## WHAT YOU NEED TO DO
Transcribe the stretch of entries below from the line with "#109=IFCINDEXEDPOLYGONALFACE((2,4,8,6));" through the line with "#129=IFCLOCALPLACEMENT(#14,#2);", exactly and with both ends included; leave out all other lines.

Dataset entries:
====
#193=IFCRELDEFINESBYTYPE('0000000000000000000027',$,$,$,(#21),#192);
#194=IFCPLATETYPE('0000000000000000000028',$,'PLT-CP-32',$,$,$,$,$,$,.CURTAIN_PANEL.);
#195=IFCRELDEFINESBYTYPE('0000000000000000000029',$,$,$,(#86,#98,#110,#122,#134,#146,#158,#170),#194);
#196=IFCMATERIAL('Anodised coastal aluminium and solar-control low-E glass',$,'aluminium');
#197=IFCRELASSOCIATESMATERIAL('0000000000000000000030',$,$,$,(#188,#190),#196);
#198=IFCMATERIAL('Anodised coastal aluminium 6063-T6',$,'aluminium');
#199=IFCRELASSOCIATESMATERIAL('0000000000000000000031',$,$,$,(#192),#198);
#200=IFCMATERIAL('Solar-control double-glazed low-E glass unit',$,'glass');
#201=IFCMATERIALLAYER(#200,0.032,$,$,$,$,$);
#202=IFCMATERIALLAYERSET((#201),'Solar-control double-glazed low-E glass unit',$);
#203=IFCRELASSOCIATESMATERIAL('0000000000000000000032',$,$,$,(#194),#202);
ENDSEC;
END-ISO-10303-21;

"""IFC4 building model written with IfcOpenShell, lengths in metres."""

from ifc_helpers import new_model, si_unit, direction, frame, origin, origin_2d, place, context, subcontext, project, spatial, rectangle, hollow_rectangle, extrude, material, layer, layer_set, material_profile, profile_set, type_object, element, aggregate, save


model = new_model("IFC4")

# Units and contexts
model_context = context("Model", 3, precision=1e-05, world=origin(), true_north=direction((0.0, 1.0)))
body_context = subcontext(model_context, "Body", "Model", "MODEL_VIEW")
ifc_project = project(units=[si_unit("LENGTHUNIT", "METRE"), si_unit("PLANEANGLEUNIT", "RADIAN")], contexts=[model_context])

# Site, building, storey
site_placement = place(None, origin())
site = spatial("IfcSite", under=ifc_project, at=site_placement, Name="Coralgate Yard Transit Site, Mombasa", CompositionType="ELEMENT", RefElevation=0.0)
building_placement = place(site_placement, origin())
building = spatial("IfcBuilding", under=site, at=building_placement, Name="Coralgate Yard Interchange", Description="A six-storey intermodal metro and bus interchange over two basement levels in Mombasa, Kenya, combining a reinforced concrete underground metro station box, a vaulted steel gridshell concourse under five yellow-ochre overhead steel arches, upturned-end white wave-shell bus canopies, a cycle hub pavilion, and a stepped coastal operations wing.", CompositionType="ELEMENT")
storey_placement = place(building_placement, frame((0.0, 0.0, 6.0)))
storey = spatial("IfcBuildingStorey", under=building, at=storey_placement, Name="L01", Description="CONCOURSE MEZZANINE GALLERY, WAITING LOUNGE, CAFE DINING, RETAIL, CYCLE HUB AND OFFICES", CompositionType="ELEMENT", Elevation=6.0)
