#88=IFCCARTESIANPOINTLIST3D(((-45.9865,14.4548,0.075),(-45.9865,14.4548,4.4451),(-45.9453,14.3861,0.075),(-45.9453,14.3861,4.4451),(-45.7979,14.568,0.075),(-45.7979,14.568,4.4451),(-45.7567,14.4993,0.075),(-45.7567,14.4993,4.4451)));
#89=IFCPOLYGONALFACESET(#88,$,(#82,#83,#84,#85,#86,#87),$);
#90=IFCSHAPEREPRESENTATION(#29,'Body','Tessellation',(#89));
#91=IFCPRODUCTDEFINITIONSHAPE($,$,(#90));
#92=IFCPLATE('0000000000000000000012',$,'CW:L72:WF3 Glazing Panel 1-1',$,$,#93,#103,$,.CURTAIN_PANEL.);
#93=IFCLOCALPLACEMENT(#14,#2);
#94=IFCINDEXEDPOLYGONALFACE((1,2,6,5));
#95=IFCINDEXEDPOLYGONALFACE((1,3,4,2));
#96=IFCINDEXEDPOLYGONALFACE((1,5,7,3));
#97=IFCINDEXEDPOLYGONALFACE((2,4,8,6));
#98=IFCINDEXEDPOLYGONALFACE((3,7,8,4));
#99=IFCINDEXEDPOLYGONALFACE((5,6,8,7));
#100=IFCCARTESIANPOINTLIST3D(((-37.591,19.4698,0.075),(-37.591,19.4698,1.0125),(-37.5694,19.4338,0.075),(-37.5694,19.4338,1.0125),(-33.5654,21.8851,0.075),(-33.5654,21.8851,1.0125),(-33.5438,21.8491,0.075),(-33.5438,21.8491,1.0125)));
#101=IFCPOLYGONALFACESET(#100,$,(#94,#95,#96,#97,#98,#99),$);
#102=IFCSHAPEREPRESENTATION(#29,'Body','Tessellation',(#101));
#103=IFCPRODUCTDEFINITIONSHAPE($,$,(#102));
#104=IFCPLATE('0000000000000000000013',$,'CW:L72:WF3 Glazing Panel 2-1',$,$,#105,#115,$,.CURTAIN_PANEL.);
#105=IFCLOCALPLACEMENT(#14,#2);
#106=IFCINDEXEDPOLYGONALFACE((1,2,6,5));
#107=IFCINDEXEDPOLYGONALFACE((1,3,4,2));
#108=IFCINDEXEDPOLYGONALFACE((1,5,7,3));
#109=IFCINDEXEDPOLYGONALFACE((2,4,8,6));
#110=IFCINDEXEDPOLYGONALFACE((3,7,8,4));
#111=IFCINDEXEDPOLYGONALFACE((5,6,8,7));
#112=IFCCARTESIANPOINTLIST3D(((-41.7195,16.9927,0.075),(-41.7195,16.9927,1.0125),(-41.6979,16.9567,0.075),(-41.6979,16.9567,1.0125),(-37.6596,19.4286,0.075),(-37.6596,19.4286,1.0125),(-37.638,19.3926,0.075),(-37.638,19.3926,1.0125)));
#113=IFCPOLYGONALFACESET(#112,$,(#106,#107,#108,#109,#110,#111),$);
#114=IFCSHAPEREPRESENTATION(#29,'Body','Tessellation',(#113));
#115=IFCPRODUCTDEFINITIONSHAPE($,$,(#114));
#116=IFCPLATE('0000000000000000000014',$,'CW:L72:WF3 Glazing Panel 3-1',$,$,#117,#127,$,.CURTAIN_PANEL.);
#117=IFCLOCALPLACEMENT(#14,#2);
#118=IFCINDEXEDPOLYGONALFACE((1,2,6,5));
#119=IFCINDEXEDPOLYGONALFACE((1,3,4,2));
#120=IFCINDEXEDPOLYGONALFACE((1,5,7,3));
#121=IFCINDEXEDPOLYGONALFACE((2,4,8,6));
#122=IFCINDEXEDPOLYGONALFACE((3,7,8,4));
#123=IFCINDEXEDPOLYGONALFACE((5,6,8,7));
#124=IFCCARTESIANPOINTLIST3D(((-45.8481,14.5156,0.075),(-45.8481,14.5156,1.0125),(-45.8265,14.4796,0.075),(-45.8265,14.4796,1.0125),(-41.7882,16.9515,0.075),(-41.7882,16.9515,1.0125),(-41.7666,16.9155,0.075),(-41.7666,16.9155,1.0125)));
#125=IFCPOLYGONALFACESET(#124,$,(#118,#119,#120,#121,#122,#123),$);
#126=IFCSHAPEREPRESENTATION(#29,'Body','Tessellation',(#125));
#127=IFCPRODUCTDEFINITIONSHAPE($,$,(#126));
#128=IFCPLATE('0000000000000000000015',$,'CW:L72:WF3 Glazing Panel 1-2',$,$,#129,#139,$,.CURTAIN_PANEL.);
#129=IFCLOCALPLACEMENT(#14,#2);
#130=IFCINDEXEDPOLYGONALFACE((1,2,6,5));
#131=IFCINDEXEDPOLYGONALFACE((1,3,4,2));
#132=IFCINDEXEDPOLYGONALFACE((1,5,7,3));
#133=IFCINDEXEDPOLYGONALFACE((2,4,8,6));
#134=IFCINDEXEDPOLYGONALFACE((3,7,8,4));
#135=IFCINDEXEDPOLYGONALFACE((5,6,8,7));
====
## PROBLEM SOLUTION
#109=IFCINDEXEDPOLYGONALFACE((2,4,8,6));
#110=IFCINDEXEDPOLYGONALFACE((3,7,8,4));
#111=IFCINDEXEDPOLYGONALFACE((5,6,8,7));
#112=IFCCARTESIANPOINTLIST3D(((-41.7195,16.9927,0.075),(-41.7195,16.9927,1.0125),(-41.6979,16.9567,0.075),(-41.6979,16.9567,1.0125),(-37.6596,19.4286,0.075),(-37.6596,19.4286,1.0125),(-37.638,19.3926,0.075),(-37.638,19.3926,1.0125)));
#113=IFCPOLYGONALFACESET(#112,$,(#106,#107,#108,#109,#110,#111),$);
#114=IFCSHAPEREPRESENTATION(#29,'Body','Tessellation',(#113));
#115=IFCPRODUCTDEFINITIONSHAPE($,$,(#114));
#116=IFCPLATE('0000000000000000000014',$,'CW:L72:WF3 Glazing Panel 3-1',$,$,#117,#127,$,.CURTAIN_PANEL.);
#117=IFCLOCALPLACEMENT(#14,#2);
#118=IFCINDEXEDPOLYGONALFACE((1,2,6,5));
#119=IFCINDEXEDPOLYGONALFACE((1,3,4,2));
#120=IFCINDEXEDPOLYGONALFACE((1,5,7,3));
#121=IFCINDEXEDPOLYGONALFACE((2,4,8,6));
#122=IFCINDEXEDPOLYGONALFACE((3,7,8,4));
#123=IFCINDEXEDPOLYGONALFACE((5,6,8,7));
#124=IFCCARTESIANPOINTLIST3D(((-45.8481,14.5156,0.075),(-45.8481,14.5156,1.0125),(-45.8265,14.4796,0.075),(-45.8265,14.4796,1.0125),(-41.7882,16.9515,0.075),(-41.7882,16.9515,1.0125),(-41.7666,16.9155,0.075),(-41.7666,16.9155,1.0125)));
#125=IFCPOLYGONALFACESET(#124,$,(#118,#119,#120,#121,#122,#123),$);
#126=IFCSHAPEREPRESENTATION(#29,'Body','Tessellation',(#125));
#127=IFCPRODUCTDEFINITIONSHAPE($,$,(#126));
#128=IFCPLATE('0000000000000000000015',$,'CW:L72:WF3 Glazing Panel 1-2',$,$,#129,#139,$,.CURTAIN_PANEL.);
#129=IFCLOCALPLACEMENT(#14,#2);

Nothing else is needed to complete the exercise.